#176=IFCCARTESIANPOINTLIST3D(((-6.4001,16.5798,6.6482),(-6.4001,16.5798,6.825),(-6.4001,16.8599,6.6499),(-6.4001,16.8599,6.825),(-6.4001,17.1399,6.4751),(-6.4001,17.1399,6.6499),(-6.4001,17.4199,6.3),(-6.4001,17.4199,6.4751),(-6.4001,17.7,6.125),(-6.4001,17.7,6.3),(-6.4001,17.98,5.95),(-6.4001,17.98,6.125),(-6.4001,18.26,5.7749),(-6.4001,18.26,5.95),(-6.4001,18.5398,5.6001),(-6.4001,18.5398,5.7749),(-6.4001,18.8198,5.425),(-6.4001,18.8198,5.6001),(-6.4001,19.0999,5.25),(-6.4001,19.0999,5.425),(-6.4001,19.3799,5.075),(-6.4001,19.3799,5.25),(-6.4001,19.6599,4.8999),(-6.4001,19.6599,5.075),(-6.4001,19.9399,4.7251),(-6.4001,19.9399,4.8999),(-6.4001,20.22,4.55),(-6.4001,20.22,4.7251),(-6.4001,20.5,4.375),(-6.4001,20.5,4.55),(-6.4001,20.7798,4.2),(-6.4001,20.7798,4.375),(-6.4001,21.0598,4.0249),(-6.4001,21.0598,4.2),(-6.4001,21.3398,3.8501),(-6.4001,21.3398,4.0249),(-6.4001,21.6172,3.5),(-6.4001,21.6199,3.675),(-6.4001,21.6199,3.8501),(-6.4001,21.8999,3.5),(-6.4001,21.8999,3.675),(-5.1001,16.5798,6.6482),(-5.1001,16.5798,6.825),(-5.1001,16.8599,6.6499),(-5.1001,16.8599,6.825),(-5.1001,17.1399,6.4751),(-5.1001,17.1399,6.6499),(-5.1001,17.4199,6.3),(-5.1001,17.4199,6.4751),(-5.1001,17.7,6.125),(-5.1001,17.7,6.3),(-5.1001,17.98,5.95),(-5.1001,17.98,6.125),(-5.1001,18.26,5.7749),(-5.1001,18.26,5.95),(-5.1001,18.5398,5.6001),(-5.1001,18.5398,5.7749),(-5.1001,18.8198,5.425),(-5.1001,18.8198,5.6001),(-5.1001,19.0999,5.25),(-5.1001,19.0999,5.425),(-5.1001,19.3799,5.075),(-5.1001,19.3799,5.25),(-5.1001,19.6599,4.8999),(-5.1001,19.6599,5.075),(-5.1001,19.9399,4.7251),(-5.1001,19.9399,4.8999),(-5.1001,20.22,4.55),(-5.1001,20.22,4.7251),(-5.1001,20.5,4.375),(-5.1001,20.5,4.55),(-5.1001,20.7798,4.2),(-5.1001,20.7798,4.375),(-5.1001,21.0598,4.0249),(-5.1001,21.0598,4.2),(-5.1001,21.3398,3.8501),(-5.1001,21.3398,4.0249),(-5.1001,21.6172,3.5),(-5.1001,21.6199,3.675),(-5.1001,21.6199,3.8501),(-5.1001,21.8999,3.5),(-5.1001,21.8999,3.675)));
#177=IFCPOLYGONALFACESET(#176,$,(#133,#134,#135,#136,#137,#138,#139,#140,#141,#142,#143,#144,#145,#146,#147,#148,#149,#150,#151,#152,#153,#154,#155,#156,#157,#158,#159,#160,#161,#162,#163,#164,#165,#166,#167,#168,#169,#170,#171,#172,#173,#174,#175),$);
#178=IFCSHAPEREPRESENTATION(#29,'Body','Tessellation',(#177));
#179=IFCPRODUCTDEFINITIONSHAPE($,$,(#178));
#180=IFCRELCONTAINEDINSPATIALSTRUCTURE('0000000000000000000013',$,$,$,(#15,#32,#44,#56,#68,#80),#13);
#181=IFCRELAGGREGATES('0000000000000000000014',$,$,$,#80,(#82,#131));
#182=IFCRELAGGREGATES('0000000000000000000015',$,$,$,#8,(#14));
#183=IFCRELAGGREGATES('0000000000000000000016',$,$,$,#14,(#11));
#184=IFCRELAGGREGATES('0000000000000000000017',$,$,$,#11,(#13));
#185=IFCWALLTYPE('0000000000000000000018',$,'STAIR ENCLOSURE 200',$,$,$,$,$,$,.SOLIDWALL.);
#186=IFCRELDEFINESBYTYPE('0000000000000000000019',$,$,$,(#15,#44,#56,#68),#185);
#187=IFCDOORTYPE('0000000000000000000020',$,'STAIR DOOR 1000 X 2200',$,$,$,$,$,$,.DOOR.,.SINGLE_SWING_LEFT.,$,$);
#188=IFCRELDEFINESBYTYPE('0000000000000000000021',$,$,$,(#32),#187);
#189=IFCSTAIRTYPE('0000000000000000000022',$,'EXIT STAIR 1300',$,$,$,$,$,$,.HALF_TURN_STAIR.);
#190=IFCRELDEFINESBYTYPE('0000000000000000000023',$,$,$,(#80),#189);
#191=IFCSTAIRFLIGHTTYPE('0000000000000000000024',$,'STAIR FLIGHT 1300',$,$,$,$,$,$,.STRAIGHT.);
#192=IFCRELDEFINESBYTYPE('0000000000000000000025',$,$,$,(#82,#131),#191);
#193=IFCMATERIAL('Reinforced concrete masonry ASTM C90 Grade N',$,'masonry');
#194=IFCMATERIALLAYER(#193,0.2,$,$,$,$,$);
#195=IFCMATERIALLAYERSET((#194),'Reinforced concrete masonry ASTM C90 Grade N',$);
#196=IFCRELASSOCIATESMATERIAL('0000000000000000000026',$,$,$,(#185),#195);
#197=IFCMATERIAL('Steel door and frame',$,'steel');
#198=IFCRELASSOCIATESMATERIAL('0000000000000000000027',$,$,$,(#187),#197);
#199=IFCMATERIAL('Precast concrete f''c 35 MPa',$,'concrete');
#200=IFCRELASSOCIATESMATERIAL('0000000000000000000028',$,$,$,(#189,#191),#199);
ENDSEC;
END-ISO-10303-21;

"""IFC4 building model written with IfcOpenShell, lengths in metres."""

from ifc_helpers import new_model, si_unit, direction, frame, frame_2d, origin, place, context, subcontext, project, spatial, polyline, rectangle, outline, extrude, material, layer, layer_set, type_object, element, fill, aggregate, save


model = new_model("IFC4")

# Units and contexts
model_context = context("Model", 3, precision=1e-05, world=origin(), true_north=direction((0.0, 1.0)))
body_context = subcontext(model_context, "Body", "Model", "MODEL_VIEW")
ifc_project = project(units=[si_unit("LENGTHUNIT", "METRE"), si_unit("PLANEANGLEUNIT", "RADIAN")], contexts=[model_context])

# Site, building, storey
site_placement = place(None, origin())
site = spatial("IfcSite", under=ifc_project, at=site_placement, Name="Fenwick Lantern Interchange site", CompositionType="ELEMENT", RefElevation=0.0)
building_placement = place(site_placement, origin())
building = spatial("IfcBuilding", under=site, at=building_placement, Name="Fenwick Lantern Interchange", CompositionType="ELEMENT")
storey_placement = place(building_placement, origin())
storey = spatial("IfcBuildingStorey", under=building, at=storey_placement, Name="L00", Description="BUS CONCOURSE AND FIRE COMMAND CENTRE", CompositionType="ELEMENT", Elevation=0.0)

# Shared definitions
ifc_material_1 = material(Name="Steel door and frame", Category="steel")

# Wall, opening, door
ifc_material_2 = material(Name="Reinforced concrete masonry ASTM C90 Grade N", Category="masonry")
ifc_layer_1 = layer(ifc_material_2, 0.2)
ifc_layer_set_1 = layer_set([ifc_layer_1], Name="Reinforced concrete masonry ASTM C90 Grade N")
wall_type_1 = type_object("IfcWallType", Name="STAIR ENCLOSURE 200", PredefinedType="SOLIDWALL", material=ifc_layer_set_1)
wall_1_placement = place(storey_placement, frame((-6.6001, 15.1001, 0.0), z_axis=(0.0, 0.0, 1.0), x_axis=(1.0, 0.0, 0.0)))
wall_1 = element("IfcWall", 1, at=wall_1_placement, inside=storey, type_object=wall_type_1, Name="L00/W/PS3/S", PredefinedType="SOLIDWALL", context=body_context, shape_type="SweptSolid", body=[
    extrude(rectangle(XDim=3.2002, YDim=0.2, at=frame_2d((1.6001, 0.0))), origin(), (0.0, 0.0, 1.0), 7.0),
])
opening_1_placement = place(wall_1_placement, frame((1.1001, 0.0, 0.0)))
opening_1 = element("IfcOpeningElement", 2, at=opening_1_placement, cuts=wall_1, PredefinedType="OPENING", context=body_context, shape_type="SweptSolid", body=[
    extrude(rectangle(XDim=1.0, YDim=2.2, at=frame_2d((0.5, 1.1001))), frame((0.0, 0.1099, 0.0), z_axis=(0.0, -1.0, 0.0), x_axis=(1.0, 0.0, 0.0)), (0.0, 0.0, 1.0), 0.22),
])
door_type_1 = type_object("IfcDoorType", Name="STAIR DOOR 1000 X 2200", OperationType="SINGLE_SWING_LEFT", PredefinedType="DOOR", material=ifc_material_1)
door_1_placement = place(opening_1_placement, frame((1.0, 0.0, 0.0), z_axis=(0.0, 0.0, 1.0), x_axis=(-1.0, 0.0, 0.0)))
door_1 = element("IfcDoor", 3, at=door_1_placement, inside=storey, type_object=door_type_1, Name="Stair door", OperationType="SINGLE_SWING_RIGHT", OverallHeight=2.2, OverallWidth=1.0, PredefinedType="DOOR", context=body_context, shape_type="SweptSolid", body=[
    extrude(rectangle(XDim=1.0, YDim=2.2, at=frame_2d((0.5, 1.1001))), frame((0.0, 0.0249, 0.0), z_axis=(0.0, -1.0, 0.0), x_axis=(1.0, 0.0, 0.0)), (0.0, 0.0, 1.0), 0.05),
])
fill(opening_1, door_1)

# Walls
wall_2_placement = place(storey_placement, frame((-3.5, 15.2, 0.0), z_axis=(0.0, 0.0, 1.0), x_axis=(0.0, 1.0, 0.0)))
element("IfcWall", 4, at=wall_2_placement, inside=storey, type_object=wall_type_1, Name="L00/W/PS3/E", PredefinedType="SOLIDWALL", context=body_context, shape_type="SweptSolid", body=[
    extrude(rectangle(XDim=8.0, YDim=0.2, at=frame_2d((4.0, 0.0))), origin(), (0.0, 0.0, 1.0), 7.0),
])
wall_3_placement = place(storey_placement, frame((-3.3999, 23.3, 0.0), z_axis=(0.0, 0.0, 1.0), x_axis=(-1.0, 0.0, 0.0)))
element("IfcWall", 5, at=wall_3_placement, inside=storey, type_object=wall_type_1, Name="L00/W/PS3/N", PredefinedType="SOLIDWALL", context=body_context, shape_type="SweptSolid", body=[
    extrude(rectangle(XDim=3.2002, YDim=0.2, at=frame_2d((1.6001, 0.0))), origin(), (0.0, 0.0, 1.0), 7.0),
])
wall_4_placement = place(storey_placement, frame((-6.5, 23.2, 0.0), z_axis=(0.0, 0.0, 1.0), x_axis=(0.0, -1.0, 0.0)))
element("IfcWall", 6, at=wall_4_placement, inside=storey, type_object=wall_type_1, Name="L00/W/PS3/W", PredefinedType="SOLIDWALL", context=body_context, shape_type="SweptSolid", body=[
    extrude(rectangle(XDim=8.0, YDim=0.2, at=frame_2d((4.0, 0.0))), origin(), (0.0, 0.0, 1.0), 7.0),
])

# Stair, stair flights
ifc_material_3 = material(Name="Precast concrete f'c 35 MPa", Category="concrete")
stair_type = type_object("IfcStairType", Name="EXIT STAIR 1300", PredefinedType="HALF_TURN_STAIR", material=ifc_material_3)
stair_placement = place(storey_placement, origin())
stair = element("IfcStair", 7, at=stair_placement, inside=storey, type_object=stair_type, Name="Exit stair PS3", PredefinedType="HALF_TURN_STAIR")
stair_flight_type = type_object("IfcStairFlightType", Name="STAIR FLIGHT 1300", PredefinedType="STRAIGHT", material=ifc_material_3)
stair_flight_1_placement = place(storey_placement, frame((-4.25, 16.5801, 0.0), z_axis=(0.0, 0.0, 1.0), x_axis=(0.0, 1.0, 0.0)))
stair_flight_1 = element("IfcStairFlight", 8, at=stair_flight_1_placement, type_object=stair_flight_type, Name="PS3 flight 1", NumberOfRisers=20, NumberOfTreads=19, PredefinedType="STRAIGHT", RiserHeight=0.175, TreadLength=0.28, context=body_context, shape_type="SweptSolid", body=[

··········

■ To do: If a line of the records above holds the word "CompositionType", show it.

■ Task result:
site = spatial("IfcSite", under=ifc_project, at=site_placement, Name="Fenwick Lantern Interchange site", CompositionType="ELEMENT", RefElevation=0.0)
building = spatial("IfcBuilding", under=site, at=building_placement, Name="Fenwick Lantern Interchange", CompositionType="ELEMENT")
storey = spatial("IfcBuildingStorey", under=building, at=storey_placement, Name="L00", Description="BUS CONCOURSE AND FIRE COMMAND CENTRE", CompositionType="ELEMENT", Elevation=0.0)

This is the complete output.